For each line below that contains the string "Boulevard", copy that line.

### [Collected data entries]
────────────────────────────────────────

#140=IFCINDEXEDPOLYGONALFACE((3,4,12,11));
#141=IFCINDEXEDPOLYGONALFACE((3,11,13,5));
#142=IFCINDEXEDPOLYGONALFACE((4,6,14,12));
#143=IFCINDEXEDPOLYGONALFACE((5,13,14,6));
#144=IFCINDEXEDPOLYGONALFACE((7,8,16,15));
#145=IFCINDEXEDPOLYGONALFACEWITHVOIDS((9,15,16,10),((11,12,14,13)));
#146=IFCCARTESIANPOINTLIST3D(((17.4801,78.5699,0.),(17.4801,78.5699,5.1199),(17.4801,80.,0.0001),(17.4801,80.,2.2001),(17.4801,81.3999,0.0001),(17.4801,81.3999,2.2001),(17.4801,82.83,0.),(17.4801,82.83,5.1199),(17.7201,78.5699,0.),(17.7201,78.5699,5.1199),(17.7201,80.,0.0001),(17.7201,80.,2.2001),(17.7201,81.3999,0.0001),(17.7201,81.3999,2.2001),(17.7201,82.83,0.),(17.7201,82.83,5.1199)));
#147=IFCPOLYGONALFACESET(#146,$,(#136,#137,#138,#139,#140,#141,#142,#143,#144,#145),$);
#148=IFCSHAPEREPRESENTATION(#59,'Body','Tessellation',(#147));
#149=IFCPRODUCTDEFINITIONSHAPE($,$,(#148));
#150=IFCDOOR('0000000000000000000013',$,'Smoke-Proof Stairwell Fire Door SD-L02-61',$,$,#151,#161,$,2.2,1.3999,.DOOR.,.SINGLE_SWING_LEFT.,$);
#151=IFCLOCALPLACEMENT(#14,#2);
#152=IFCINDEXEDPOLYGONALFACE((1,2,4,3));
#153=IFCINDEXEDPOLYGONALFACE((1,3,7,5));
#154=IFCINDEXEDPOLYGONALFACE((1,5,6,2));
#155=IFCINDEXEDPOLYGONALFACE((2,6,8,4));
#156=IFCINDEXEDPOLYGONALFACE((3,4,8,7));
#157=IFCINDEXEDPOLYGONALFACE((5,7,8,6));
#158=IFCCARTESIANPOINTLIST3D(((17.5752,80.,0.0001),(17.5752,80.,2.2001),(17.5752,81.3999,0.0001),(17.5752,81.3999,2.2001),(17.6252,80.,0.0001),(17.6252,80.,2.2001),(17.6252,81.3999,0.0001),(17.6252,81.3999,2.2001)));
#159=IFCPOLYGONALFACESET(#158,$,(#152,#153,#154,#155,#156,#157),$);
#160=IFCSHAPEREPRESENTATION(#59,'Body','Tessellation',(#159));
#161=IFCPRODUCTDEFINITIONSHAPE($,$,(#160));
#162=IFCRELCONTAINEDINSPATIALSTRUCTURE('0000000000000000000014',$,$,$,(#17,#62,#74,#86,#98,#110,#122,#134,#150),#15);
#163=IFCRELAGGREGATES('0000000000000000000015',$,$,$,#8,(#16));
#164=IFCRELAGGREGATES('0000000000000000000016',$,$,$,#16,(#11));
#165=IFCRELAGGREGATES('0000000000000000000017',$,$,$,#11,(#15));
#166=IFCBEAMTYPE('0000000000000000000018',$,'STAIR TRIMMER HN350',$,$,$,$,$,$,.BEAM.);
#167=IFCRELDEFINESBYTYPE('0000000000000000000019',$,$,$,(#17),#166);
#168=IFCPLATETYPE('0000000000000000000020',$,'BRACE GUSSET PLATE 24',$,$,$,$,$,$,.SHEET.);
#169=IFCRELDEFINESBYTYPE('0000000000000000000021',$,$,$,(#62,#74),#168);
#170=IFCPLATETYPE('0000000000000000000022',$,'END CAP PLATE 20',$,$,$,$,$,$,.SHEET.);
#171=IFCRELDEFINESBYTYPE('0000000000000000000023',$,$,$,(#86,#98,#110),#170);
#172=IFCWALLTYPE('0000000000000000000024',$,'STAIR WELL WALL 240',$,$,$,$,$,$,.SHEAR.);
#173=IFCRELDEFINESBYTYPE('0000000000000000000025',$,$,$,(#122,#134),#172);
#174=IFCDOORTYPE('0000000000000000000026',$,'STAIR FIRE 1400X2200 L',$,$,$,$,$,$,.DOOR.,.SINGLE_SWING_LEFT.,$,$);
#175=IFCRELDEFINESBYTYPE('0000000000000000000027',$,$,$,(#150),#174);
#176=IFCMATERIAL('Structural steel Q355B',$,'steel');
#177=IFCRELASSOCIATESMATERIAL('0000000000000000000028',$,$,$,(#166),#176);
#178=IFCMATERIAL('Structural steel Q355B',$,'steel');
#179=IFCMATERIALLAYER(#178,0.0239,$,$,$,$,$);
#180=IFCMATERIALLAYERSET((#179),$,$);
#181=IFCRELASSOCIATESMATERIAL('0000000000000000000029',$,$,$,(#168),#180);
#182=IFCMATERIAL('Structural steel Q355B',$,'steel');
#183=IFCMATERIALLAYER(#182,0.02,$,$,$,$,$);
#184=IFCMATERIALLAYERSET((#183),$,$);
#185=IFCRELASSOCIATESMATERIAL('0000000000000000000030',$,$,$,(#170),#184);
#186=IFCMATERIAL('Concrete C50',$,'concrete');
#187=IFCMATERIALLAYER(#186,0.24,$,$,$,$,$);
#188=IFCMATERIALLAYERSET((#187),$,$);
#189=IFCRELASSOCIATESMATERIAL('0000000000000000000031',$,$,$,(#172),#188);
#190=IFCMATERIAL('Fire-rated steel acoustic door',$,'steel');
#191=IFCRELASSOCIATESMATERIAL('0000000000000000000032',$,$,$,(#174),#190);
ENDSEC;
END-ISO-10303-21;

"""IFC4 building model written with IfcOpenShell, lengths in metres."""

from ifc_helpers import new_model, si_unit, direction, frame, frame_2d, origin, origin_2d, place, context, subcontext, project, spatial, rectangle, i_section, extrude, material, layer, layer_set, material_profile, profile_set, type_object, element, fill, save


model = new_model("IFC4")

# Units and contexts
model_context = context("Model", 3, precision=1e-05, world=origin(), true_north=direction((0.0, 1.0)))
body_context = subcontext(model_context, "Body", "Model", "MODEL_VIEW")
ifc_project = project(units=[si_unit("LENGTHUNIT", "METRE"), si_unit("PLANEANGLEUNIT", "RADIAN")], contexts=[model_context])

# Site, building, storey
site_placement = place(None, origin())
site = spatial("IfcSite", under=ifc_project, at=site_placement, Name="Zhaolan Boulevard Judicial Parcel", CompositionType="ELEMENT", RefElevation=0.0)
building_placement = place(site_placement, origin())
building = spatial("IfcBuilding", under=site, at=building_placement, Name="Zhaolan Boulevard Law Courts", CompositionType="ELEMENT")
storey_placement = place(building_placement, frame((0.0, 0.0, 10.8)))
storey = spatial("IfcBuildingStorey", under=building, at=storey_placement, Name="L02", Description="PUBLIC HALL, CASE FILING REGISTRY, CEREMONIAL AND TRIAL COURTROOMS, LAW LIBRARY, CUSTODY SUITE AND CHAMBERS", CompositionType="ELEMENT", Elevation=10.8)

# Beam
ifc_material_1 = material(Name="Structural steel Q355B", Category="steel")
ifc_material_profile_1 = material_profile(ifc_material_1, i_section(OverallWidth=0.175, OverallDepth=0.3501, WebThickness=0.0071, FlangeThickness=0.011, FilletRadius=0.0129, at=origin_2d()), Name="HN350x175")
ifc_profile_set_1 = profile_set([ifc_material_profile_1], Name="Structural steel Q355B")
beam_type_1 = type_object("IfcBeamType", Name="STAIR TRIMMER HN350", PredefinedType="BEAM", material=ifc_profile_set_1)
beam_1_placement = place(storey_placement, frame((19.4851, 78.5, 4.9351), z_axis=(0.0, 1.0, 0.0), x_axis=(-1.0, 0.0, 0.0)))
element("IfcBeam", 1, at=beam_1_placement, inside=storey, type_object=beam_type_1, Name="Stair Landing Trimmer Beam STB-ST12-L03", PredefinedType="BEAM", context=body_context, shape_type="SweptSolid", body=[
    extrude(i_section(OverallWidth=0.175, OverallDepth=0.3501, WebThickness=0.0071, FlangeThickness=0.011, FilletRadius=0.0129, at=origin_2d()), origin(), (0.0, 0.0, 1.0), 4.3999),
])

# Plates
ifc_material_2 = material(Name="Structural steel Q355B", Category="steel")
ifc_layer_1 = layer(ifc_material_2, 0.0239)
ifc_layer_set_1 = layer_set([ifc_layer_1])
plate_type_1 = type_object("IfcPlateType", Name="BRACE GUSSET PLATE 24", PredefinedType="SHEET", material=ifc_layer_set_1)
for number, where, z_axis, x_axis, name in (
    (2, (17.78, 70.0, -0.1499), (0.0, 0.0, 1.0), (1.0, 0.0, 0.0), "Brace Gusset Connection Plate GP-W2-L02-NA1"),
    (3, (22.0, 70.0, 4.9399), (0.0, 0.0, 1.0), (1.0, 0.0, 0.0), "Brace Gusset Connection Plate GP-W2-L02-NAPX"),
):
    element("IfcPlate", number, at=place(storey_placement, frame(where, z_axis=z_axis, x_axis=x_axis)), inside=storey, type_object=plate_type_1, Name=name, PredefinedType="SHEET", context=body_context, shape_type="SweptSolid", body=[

────────────────────────────────────────

### [TASK RESPONSE]
site = spatial("IfcSite", under=ifc_project, at=site_placement, Name="Zhaolan Boulevard Judicial Parcel", CompositionType="ELEMENT", RefElevation=0.0)
building = spatial("IfcBuilding", under=site, at=building_placement, Name="Zhaolan Boulevard Law Courts", CompositionType="ELEMENT")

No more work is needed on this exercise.